**Saved data entries**
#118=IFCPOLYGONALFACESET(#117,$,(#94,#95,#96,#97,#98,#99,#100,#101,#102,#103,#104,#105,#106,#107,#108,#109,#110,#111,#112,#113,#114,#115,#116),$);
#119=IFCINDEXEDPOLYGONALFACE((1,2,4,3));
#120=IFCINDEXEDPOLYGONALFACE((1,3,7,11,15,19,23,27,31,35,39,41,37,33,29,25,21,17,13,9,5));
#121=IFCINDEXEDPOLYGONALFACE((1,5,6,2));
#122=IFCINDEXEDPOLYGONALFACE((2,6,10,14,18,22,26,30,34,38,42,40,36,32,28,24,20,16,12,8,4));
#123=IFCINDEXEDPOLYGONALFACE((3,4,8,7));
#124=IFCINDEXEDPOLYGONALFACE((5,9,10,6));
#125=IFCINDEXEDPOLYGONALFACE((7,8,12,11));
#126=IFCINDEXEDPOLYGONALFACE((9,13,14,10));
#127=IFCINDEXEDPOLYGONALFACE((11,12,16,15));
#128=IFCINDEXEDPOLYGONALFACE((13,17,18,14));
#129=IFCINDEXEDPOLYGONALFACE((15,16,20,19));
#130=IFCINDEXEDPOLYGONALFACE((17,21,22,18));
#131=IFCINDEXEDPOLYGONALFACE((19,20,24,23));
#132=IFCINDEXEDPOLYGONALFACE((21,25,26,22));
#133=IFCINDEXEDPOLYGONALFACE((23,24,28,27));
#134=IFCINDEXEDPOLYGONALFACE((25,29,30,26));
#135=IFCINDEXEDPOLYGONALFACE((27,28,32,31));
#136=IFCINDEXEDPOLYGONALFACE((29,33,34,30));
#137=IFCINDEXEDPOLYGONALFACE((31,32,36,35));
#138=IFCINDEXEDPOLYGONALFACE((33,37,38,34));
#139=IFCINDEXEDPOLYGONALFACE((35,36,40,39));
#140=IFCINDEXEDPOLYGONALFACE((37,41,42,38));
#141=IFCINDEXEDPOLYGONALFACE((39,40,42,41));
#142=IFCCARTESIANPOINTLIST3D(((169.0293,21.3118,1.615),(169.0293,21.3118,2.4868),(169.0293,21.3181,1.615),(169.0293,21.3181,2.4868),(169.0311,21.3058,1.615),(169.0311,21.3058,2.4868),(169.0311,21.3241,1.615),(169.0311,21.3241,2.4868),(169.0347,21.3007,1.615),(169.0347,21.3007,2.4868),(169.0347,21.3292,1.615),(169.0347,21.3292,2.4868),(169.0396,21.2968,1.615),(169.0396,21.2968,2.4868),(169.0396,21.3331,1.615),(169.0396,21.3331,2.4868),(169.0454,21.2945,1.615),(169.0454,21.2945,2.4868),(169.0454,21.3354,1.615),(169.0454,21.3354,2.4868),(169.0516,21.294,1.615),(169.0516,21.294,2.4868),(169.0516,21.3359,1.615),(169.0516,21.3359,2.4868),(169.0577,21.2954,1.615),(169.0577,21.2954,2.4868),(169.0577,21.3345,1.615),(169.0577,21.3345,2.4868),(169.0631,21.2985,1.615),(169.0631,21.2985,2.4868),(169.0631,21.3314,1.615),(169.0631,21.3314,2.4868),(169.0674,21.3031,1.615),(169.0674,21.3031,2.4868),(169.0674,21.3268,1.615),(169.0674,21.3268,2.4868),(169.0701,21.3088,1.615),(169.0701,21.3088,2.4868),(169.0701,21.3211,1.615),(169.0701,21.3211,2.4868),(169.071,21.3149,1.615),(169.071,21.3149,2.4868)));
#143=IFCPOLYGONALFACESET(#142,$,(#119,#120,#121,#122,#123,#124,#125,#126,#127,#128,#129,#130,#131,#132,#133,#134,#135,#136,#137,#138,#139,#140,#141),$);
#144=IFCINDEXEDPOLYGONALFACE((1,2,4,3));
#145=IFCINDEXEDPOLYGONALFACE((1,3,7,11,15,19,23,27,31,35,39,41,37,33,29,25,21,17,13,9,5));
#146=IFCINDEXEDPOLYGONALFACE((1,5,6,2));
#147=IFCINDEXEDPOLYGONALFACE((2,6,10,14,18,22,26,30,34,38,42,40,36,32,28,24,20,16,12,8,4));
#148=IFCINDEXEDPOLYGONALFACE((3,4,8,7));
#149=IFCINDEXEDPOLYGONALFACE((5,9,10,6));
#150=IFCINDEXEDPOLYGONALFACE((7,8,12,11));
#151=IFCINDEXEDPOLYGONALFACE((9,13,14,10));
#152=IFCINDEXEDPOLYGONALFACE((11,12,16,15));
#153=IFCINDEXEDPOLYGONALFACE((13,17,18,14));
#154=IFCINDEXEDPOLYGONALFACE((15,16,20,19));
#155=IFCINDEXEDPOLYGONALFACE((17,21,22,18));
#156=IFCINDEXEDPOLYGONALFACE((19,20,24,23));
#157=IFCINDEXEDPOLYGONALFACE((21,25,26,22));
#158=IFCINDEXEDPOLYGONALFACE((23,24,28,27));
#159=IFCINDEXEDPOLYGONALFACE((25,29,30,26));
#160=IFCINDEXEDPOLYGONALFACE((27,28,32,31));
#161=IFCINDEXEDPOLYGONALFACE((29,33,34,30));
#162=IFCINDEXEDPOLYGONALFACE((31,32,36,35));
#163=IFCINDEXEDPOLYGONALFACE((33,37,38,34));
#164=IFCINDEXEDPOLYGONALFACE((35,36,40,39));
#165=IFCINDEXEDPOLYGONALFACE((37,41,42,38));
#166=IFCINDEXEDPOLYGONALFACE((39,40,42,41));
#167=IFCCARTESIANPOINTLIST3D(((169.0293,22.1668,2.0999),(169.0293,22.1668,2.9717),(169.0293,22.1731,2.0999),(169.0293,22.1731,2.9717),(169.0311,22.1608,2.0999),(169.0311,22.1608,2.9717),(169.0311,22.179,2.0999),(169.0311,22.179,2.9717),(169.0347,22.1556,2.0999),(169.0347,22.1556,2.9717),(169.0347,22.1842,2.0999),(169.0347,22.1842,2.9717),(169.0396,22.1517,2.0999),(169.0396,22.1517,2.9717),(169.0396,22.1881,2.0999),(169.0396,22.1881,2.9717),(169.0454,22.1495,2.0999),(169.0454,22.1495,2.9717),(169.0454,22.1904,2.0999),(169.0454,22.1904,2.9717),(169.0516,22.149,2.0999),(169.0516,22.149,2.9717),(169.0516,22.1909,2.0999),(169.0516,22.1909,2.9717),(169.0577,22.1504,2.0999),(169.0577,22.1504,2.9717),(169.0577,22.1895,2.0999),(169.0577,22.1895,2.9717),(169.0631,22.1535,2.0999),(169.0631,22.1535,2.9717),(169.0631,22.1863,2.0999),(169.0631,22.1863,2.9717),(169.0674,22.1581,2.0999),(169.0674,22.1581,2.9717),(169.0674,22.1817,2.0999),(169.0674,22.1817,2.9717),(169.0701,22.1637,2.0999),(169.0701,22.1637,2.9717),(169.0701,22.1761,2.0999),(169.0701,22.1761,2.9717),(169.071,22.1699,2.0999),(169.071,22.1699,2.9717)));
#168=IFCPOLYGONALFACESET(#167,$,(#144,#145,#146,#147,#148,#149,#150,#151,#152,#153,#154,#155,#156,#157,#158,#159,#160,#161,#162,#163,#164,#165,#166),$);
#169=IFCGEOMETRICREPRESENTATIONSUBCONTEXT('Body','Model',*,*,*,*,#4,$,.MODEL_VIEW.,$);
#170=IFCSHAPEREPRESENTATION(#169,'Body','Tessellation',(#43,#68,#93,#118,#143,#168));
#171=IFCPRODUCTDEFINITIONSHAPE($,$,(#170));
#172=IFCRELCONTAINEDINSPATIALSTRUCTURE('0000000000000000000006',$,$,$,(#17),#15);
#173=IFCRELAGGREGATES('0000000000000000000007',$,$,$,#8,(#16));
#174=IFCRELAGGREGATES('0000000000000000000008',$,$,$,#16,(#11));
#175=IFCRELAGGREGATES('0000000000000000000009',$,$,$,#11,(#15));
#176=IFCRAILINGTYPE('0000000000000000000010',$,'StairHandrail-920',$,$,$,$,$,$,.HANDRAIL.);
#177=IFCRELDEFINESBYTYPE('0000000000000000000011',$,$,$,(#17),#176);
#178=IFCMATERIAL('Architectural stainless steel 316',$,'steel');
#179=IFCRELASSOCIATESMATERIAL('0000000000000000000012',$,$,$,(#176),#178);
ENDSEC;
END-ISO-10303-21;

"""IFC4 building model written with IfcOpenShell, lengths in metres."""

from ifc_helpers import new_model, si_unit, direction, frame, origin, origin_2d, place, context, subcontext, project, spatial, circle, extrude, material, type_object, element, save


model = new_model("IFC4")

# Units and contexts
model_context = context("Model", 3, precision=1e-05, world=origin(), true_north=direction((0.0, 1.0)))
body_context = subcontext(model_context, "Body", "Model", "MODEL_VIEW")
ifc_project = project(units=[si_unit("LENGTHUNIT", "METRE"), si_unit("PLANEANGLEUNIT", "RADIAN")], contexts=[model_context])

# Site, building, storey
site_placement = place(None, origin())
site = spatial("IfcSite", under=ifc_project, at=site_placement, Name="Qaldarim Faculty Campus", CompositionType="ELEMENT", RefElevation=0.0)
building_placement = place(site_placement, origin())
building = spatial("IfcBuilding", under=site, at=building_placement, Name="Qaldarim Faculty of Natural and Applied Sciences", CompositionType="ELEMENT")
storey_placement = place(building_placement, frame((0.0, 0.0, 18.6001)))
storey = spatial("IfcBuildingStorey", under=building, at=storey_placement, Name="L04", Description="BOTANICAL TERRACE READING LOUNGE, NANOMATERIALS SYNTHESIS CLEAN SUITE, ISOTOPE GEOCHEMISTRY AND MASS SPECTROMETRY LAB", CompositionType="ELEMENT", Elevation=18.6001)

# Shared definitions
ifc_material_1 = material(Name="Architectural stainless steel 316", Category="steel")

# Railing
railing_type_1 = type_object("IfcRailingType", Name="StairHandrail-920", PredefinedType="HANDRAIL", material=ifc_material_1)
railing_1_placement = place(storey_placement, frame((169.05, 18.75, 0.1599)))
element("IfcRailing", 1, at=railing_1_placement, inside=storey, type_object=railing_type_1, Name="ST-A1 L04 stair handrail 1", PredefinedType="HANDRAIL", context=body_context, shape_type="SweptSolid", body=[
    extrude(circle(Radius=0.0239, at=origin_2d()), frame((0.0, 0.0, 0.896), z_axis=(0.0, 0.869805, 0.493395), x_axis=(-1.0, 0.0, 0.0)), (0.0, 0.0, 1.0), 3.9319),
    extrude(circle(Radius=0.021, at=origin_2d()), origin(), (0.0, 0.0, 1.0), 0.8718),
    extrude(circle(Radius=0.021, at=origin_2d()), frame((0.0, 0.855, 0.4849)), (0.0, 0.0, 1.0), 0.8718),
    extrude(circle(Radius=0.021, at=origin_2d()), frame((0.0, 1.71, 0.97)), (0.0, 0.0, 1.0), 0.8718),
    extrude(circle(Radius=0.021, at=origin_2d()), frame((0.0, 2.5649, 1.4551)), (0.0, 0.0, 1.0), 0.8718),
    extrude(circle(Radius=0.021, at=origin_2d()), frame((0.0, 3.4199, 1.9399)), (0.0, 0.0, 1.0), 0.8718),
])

**Your goal**
Wherever a line of the records above contains the string "steel", copy that line out.

**Your response**
#178=IFCMATERIAL('Architectural stainless steel 316',$,'steel');
ifc_material_1 = material(Name="Architectural stainless steel 316", Category="steel")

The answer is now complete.